* Material provided *
------------------------------

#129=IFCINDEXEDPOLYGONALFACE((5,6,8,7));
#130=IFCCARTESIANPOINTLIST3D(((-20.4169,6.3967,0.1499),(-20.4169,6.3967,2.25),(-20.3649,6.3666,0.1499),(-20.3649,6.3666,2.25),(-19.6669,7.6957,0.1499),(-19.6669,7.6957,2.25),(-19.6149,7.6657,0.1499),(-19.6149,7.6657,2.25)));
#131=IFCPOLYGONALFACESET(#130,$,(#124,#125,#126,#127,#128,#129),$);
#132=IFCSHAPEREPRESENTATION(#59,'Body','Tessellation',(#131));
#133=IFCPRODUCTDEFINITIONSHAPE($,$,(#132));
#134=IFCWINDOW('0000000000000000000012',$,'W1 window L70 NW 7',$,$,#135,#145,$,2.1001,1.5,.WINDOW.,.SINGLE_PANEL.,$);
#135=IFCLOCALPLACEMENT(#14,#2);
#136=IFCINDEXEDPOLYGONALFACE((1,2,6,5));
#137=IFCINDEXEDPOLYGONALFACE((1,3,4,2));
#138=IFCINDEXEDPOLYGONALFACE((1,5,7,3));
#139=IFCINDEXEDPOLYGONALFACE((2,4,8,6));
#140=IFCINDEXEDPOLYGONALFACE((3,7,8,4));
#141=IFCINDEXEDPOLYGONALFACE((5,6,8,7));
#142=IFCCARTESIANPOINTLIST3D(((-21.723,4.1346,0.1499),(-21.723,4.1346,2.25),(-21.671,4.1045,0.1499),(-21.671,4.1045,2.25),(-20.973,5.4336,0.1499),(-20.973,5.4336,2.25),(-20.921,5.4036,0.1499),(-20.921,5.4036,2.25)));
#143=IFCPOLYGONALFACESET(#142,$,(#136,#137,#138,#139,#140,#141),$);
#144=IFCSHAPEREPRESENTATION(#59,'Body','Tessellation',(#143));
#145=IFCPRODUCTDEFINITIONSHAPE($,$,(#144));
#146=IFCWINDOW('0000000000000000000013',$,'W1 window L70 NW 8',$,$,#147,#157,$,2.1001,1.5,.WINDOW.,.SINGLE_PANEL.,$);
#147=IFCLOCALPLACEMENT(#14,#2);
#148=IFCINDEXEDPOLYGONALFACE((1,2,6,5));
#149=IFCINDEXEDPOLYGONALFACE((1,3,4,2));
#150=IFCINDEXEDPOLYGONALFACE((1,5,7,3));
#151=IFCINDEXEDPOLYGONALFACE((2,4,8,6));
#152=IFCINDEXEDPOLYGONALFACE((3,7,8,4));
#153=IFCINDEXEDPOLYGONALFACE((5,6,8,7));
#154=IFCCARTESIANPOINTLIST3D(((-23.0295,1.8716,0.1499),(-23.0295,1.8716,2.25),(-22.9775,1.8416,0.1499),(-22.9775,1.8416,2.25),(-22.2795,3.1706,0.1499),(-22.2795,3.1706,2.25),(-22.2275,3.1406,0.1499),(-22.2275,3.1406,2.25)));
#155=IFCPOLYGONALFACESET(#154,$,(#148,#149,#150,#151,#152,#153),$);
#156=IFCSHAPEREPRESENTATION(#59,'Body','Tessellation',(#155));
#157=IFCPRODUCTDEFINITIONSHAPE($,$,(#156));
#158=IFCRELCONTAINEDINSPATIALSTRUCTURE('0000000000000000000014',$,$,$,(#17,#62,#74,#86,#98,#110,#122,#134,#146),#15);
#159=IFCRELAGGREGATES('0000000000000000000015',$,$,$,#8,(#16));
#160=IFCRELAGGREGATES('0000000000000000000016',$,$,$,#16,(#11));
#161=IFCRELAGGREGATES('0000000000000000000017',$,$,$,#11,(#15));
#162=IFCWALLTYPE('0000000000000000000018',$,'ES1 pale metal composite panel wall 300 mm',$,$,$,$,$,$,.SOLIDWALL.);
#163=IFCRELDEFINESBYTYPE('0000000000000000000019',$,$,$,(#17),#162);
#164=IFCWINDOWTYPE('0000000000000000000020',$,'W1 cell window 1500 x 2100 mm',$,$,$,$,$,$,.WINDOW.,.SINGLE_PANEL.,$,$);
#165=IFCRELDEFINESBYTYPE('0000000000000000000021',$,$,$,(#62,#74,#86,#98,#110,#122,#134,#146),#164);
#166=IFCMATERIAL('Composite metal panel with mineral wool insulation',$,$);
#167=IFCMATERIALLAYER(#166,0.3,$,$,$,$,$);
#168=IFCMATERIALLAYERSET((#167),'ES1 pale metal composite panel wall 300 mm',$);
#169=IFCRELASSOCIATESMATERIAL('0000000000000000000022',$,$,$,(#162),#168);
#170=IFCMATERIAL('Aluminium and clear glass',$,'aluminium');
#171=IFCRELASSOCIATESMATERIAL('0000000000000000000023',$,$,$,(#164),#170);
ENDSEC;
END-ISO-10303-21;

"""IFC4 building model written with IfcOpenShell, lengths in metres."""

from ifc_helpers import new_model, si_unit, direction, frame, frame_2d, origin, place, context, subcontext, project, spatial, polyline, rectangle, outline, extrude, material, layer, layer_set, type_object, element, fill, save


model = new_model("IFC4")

------------------------------

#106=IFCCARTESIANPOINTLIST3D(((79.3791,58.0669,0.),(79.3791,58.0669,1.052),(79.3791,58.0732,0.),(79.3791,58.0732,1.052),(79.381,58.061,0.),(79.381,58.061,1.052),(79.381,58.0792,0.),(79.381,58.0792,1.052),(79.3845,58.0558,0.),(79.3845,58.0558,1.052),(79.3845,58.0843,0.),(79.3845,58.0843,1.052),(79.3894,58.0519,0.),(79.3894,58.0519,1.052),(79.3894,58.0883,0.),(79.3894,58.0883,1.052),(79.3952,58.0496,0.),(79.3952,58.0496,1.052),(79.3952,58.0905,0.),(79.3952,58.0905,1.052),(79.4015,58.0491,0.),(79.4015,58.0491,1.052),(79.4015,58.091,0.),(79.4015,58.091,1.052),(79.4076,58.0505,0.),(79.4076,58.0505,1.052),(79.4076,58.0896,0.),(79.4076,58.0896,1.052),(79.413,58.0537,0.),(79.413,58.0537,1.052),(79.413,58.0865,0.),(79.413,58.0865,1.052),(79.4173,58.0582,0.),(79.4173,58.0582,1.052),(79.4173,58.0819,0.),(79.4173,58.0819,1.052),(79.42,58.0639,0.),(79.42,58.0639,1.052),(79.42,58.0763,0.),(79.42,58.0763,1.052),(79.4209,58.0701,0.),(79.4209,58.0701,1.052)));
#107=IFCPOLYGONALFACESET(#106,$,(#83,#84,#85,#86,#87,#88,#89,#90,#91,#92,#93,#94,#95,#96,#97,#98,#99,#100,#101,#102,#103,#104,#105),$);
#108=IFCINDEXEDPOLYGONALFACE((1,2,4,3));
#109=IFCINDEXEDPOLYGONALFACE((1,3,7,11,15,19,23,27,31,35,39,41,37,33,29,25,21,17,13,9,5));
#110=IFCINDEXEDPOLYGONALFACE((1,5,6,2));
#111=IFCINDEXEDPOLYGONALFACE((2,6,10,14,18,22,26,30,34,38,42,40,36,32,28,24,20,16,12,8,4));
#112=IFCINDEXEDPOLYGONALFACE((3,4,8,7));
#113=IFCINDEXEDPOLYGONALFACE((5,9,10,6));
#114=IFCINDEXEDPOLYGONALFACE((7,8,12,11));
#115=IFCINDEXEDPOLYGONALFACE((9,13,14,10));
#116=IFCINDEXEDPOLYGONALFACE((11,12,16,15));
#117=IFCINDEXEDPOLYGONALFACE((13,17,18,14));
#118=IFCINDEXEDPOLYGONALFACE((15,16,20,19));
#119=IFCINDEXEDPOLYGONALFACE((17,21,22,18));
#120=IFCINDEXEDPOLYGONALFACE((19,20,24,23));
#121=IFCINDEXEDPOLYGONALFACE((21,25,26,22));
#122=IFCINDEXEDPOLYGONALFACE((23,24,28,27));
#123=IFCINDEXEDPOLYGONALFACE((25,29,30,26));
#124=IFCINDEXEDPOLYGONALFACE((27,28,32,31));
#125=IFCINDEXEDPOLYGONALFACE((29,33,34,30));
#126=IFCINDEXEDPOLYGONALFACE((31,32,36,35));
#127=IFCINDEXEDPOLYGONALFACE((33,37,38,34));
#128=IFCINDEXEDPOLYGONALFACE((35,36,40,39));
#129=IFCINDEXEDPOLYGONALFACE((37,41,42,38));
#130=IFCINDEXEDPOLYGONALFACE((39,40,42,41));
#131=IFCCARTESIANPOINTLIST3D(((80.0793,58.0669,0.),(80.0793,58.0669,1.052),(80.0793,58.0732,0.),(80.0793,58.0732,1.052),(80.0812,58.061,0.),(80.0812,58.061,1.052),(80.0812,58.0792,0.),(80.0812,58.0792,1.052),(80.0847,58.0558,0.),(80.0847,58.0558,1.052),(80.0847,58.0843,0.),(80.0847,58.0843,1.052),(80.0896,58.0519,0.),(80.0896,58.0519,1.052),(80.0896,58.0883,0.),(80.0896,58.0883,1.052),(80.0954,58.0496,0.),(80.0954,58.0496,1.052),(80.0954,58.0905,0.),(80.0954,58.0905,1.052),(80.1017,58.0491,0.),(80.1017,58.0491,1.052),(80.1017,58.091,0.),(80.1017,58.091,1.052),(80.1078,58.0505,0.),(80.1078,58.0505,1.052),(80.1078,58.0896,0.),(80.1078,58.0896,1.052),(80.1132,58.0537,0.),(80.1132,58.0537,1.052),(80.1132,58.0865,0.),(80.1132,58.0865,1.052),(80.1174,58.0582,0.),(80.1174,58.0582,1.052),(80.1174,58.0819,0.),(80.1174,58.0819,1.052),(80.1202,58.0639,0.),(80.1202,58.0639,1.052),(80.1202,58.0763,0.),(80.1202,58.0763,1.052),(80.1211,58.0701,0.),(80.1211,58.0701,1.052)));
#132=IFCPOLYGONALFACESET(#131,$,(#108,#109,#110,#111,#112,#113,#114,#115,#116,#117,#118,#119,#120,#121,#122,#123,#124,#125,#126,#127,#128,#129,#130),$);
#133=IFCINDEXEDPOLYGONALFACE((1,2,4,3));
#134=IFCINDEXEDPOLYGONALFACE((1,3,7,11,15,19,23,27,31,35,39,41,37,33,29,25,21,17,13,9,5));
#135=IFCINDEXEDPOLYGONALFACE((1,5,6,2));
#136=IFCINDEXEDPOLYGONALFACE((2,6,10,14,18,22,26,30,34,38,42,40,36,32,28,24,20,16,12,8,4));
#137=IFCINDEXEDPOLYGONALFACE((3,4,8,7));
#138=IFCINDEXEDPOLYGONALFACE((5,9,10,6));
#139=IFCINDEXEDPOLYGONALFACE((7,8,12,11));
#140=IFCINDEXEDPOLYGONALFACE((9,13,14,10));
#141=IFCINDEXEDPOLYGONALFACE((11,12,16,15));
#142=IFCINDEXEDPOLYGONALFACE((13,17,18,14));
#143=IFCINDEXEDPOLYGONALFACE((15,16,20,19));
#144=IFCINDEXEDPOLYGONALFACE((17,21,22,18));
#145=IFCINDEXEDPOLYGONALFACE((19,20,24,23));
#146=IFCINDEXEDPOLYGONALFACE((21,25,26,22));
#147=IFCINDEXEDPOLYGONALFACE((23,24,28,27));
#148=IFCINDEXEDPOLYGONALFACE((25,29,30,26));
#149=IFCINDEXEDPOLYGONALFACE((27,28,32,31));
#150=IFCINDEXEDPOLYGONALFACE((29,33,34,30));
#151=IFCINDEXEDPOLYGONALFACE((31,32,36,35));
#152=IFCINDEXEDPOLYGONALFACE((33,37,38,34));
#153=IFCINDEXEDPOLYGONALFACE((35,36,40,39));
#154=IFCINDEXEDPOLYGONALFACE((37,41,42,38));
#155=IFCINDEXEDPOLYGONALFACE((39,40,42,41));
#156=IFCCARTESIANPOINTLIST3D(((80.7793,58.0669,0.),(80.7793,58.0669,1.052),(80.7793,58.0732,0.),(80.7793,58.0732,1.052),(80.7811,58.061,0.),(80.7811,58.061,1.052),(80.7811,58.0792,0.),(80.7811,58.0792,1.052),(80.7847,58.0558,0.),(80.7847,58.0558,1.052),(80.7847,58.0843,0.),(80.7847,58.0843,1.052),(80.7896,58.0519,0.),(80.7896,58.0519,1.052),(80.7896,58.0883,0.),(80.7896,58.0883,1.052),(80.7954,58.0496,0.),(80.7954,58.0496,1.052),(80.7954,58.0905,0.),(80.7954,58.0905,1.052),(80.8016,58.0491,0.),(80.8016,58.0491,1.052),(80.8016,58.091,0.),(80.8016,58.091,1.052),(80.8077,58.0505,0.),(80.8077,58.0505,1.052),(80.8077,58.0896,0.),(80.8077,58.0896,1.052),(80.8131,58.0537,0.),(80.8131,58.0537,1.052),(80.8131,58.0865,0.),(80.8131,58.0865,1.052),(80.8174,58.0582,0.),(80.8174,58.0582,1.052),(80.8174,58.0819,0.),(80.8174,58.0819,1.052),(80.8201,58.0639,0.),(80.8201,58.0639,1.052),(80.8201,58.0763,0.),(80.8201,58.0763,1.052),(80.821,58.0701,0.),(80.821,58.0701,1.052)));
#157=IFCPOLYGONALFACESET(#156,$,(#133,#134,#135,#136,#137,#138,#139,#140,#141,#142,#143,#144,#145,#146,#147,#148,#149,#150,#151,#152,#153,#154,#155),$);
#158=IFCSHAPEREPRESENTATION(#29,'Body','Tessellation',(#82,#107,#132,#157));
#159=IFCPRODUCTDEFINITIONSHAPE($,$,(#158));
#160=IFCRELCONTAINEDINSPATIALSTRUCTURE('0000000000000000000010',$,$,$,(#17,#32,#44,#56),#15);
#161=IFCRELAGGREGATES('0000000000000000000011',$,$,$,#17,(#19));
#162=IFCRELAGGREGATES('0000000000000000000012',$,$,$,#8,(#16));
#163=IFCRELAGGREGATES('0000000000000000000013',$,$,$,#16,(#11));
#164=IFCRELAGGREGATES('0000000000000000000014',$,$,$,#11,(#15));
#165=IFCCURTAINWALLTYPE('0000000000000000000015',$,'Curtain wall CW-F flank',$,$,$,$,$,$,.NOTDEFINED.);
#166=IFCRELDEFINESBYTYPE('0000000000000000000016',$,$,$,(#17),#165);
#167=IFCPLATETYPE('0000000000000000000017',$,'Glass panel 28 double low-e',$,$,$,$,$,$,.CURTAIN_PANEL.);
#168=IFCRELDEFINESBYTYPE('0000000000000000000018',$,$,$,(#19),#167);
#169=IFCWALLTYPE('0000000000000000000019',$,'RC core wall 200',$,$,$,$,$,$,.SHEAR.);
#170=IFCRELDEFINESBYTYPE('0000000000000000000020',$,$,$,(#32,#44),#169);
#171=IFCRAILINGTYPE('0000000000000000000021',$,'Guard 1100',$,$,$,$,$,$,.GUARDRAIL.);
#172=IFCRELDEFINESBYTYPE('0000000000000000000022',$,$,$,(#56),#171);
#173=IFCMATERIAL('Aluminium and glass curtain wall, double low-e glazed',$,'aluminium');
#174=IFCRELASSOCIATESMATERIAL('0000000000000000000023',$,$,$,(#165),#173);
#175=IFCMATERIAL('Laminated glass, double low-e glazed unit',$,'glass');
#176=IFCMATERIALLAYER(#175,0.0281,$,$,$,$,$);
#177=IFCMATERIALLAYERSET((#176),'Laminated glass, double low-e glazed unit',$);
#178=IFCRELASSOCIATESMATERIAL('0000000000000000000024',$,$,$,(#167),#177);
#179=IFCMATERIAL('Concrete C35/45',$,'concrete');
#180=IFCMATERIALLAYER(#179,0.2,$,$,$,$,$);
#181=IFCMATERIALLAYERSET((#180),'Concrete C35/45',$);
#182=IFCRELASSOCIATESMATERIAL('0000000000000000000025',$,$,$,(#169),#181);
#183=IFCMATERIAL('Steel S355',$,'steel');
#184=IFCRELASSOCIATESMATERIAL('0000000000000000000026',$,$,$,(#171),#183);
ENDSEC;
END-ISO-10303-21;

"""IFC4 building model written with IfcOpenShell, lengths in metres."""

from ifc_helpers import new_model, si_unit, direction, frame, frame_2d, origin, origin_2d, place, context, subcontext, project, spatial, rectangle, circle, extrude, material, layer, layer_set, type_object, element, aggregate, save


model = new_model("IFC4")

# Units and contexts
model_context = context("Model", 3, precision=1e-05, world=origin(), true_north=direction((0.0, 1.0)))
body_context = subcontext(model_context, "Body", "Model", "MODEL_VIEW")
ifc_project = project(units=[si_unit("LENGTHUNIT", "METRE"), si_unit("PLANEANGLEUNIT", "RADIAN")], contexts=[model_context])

------------------------------

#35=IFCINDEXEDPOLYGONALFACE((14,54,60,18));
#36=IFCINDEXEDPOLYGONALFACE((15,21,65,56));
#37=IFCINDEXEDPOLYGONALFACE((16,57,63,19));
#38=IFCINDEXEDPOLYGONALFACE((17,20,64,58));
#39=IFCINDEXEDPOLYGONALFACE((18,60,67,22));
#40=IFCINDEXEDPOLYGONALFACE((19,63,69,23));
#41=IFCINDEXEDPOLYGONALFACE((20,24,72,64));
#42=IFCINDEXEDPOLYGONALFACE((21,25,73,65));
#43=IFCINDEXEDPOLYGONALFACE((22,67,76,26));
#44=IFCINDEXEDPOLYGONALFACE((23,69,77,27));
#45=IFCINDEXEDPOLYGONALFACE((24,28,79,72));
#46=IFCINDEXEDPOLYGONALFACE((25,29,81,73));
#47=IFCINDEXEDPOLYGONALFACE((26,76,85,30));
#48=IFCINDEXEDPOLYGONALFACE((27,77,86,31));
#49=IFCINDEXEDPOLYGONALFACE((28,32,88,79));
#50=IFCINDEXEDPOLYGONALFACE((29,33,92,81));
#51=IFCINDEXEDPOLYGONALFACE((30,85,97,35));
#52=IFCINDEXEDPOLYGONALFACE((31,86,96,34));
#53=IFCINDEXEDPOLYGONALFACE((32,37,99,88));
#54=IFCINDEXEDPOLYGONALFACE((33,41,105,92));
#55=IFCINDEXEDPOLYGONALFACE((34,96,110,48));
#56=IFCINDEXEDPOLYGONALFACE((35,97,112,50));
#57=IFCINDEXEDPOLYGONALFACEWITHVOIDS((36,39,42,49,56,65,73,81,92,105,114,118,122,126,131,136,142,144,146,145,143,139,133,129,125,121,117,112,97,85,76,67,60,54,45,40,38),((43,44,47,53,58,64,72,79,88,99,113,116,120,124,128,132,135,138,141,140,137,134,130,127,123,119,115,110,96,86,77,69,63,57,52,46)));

------------------------------

* What is needed *
The lines to extract from the data above begin with the line containing "#141=IFCINDEXEDPOLYGONALFACE((5,6,8,7));" and end with the line containing "#146=IFCWINDOW('0000000000000000000013',$,'W1 window L70". Extract them exactly, including both.

* Response *
#141=IFCINDEXEDPOLYGONALFACE((5,6,8,7));
#142=IFCCARTESIANPOINTLIST3D(((-21.723,4.1346,0.1499),(-21.723,4.1346,2.25),(-21.671,4.1045,0.1499),(-21.671,4.1045,2.25),(-20.973,5.4336,0.1499),(-20.973,5.4336,2.25),(-20.921,5.4036,0.1499),(-20.921,5.4036,2.25)));
#143=IFCPOLYGONALFACESET(#142,$,(#136,#137,#138,#139,#140,#141),$);
#144=IFCSHAPEREPRESENTATION(#59,'Body','Tessellation',(#143));
#145=IFCPRODUCTDEFINITIONSHAPE($,$,(#144));
#146=IFCWINDOW('0000000000000000000013',$,'W1 window L70 NW 8',$,$,#147,#157,$,2.1001,1.5,.WINDOW.,.SINGLE_PANEL.,$);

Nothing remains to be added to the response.